__ASSIGNMENT__
What is needed here is an exact repetition of the records below, beginning at the line that has "#19=IFCINDEXEDPOLYGONALFACE((1,2,4,3));" and stopping after the line that has "#26=IFCPOLYGONALFACESET(#25,$,(#19,#20,#21,#22,#23,#24),$);".

[Stored dataset items]
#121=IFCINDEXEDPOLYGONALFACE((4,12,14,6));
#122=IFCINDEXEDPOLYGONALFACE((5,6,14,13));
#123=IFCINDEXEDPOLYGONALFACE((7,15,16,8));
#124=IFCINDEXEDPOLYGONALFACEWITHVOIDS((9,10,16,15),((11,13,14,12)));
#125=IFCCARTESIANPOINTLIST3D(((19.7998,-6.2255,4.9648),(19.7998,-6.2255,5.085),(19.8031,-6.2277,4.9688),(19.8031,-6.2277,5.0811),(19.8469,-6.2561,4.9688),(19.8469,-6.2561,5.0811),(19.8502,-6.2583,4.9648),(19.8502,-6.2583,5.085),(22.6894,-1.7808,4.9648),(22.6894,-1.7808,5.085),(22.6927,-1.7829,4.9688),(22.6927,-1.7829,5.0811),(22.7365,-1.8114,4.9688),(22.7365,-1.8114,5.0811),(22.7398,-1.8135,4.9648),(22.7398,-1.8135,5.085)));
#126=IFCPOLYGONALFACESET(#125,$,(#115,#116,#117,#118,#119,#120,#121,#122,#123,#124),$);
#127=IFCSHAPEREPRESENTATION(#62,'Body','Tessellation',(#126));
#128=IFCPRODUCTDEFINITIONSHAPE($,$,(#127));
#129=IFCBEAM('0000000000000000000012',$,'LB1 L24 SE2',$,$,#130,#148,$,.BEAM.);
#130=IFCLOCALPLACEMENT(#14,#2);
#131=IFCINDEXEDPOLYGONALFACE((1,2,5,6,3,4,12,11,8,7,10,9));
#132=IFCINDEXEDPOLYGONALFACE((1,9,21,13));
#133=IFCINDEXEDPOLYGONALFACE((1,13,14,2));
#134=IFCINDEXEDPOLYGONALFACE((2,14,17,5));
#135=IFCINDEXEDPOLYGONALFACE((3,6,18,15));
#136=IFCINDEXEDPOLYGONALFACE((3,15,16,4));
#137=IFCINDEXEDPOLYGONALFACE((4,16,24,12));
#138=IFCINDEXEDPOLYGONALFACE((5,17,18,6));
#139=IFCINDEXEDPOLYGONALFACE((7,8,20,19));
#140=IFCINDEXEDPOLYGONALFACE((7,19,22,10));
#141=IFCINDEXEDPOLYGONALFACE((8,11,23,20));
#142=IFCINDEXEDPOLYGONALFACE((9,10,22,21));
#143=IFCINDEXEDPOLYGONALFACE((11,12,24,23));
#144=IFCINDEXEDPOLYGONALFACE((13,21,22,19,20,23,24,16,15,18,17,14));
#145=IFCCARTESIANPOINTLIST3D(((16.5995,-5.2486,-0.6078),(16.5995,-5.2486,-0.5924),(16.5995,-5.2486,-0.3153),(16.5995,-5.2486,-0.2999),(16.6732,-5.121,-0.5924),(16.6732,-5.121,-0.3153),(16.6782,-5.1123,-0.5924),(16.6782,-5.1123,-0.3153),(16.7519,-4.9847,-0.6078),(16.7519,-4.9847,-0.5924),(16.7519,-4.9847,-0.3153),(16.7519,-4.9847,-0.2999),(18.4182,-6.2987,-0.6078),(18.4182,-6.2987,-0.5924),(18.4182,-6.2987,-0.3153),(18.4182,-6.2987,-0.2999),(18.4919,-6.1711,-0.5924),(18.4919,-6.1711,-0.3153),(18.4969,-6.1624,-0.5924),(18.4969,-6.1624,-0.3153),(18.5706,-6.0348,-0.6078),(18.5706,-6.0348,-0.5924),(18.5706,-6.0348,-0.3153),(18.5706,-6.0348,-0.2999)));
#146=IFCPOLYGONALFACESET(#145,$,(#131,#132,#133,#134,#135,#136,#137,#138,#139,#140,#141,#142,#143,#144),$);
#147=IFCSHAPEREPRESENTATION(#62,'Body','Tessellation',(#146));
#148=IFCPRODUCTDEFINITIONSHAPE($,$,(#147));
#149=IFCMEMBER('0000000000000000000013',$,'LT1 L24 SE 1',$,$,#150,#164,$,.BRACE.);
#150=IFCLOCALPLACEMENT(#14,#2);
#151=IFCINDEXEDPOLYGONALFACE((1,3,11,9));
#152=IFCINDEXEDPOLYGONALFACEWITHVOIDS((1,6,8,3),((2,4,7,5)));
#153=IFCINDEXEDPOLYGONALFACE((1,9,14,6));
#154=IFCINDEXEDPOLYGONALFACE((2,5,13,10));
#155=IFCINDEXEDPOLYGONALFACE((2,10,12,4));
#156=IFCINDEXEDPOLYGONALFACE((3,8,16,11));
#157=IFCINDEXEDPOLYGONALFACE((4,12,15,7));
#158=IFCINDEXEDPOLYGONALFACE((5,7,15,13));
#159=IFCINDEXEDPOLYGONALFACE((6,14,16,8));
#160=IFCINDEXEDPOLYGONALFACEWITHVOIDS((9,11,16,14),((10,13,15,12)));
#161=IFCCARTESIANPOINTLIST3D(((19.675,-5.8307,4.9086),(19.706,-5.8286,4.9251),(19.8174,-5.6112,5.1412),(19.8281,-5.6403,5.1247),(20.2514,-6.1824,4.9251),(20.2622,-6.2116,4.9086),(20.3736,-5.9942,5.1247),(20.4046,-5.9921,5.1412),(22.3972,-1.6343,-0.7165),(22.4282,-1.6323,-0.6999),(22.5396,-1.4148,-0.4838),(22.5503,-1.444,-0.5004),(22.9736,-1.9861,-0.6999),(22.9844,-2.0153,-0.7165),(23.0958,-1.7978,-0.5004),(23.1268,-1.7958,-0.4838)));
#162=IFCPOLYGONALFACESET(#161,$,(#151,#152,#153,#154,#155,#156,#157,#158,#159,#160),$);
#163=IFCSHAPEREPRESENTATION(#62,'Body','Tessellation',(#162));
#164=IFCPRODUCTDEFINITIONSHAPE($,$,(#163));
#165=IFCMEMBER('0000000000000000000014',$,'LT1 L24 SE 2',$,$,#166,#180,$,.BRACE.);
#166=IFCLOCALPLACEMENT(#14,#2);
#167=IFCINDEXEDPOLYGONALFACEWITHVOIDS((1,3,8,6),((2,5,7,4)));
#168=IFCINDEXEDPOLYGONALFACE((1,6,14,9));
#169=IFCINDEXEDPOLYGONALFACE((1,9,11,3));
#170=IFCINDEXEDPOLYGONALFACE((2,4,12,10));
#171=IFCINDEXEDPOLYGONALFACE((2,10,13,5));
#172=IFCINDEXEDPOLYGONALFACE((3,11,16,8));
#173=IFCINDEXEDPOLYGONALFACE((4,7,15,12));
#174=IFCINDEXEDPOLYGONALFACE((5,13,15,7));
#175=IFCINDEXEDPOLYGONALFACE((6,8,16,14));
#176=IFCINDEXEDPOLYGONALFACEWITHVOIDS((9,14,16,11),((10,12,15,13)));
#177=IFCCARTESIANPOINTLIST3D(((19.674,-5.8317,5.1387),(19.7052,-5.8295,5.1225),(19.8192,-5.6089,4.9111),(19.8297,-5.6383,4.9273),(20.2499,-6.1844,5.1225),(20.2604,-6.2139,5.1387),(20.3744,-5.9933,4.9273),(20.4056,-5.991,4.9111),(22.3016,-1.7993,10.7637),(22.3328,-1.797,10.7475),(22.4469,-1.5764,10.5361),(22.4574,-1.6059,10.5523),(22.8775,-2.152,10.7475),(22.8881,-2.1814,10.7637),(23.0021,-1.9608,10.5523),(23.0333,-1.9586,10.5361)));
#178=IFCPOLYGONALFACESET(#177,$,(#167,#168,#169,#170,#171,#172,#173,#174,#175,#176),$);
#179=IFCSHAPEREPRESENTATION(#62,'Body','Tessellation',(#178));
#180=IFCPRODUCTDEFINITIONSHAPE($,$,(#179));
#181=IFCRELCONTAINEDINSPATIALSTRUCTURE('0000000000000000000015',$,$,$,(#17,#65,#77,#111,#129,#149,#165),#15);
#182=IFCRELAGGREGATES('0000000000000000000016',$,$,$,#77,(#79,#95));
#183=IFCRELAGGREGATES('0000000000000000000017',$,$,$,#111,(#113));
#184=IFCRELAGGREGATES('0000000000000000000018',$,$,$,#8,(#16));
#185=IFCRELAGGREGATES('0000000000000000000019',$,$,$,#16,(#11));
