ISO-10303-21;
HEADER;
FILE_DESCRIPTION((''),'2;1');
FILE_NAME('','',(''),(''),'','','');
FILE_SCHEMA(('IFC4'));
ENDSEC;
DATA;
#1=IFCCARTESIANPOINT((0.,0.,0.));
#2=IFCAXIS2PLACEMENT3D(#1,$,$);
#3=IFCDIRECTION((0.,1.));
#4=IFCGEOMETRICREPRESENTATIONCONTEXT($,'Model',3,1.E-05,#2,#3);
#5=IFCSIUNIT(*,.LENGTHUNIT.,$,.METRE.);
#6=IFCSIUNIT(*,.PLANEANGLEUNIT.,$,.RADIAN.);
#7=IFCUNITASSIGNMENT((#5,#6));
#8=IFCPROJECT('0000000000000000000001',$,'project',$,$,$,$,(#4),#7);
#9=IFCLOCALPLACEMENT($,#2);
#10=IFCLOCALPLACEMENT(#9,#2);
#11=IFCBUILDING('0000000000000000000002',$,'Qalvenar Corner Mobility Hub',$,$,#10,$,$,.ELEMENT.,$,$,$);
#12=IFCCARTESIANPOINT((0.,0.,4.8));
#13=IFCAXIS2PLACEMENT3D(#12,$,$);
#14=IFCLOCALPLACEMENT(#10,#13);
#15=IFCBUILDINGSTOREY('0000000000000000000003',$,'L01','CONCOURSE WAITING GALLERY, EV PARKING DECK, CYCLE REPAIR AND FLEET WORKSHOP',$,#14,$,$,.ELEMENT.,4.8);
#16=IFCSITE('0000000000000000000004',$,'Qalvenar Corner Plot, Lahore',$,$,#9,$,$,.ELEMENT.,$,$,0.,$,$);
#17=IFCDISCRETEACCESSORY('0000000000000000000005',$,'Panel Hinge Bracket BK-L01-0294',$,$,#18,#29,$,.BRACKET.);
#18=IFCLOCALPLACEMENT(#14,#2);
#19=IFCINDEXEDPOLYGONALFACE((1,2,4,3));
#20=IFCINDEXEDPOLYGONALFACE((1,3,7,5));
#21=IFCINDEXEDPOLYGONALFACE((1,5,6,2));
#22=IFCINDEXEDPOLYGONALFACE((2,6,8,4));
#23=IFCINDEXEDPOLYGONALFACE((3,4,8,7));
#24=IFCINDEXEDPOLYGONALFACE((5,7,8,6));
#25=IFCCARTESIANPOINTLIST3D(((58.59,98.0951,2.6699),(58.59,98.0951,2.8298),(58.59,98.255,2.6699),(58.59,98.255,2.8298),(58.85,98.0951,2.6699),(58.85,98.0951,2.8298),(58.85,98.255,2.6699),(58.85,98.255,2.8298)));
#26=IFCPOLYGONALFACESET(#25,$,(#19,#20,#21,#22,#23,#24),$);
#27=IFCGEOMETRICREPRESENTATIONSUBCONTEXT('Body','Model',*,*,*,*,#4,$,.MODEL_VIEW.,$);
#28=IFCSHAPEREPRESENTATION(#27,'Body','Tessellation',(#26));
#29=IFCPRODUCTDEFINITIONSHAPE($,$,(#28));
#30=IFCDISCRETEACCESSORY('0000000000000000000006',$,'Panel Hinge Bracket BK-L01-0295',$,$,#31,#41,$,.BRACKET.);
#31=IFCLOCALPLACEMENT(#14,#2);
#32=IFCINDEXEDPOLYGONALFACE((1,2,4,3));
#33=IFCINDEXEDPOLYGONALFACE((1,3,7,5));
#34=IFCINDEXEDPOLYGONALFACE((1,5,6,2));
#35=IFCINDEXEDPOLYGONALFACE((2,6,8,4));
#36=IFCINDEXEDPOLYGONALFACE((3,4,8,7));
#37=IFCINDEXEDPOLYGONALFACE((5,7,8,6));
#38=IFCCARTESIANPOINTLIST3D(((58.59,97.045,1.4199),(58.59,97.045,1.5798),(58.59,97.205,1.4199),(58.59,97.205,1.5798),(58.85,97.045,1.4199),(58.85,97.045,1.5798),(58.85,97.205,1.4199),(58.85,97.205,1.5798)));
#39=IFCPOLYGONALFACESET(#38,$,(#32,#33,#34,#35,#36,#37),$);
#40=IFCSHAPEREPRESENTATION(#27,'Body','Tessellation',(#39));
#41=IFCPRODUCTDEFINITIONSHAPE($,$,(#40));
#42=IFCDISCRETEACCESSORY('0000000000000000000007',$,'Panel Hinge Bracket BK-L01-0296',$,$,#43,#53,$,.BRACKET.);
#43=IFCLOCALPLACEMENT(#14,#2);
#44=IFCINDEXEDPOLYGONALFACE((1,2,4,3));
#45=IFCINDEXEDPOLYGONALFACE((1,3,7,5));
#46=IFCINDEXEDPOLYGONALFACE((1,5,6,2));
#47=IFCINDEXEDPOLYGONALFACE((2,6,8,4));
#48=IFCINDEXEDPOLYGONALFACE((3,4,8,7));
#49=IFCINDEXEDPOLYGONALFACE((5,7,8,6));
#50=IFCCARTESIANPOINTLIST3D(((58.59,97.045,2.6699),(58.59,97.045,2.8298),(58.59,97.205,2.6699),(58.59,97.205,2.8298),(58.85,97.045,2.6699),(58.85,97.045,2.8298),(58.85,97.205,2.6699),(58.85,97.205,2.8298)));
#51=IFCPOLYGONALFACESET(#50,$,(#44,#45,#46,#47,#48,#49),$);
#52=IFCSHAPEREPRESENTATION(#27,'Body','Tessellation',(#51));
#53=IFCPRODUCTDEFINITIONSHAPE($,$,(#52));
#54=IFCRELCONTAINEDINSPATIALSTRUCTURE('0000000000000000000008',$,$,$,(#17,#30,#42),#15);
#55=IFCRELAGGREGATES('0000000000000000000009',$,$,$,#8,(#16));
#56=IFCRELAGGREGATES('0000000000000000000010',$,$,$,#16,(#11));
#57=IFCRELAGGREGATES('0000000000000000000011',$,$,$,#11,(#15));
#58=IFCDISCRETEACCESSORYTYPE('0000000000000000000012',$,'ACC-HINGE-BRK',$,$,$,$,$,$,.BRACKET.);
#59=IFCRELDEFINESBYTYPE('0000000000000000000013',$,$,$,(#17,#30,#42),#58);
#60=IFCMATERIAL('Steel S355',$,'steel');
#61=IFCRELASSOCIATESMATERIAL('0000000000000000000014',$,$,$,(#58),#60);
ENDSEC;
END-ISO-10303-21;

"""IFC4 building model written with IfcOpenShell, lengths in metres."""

from ifc_helpers import new_model, si_unit, direction, frame, origin, origin_2d, place, context, subcontext, project, spatial, rectangle, extrude, material, type_object, element, save


model = new_model("IFC4")

# Units and contexts
model_context = context("Model", 3, precision=1e-05, world=origin(), true_north=direction((0.0, 1.0)))
body_context = subcontext(model_context, "Body", "Model", "MODEL_VIEW")
ifc_project = project(units=[si_unit("LENGTHUNIT", "METRE"), si_unit("PLANEANGLEUNIT", "RADIAN")], contexts=[model_context])

# Site, building, storey
site_placement = place(None, origin())
site = spatial("IfcSite", under=ifc_project, at=site_placement, Name="Qalvenar Corner Plot, Lahore", CompositionType="ELEMENT", RefElevation=0.0)
building_placement = place(site_placement, origin())
building = spatial("IfcBuilding", under=site, at=building_placement, Name="Qalvenar Corner Mobility Hub", CompositionType="ELEMENT")
storey_placement = place(building_placement, frame((0.0, 0.0, 4.8)))
storey = spatial("IfcBuildingStorey", under=building, at=storey_placement, Name="L01", Description="CONCOURSE WAITING GALLERY, EV PARKING DECK, CYCLE REPAIR AND FLEET WORKSHOP", CompositionType="ELEMENT", Elevation=4.8)

# Shared definitions
ifc_material_1 = material(Name="Steel S355", Category="steel")

# Discrete accessories
discrete_accessory_type = type_object("IfcDiscreteAccessoryType", Name="ACC-HINGE-BRK", PredefinedType="BRACKET", material=ifc_material_1)
for number, where, z_axis, x_axis, name in (
    (1, (58.72, 98.175, 2.6699), (0.0, 0.0, 1.0), (0.0, -1.0, 0.0), "Panel Hinge Bracket BK-L01-0294"),
    (2, (58.72, 97.125, 1.4199), (0.0, 0.0, 1.0), (0.0, -1.0, 0.0), "Panel Hinge Bracket BK-L01-0295"),
    (3, (58.72, 97.125, 2.6699), (0.0, 0.0, 1.0), (0.0, -1.0, 0.0), "Panel Hinge Bracket BK-L01-0296"),
):
    element("IfcDiscreteAccessory", number, at=place(storey_placement, frame(where, z_axis=z_axis, x_axis=x_axis)), inside=storey, type_object=discrete_accessory_type, Name=name, PredefinedType="BRACKET", context=body_context, shape_type="SweptSolid", body=[
        extrude(rectangle(XDim=0.1599, YDim=0.26, at=origin_2d()), origin(), (0.0, 0.0, 1.0), 0.1599),
    ])

save(model, "model.ifc")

__RESPONSE TO THIS TASK__
#19=IFCINDEXEDPOLYGONALFACE((1,2,4,3));
#20=IFCINDEXEDPOLYGONALFACE((1,3,7,5));
#21=IFCINDEXEDPOLYGONALFACE((1,5,6,2));
#22=IFCINDEXEDPOLYGONALFACE((2,6,8,4));
#23=IFCINDEXEDPOLYGONALFACE((3,4,8,7));
#24=IFCINDEXEDPOLYGONALFACE((5,7,8,6));
#25=IFCCARTESIANPOINTLIST3D(((58.59,98.0951,2.6699),(58.59,98.0951,2.8298),(58.59,98.255,2.6699),(58.59,98.255,2.8298),(58.85,98.0951,2.6699),(58.85,98.0951,2.8298),(58.85,98.255,2.6699),(58.85,98.255,2.8298)));
#26=IFCPOLYGONALFACESET(#25,$,(#19,#20,#21,#22,#23,#24),$);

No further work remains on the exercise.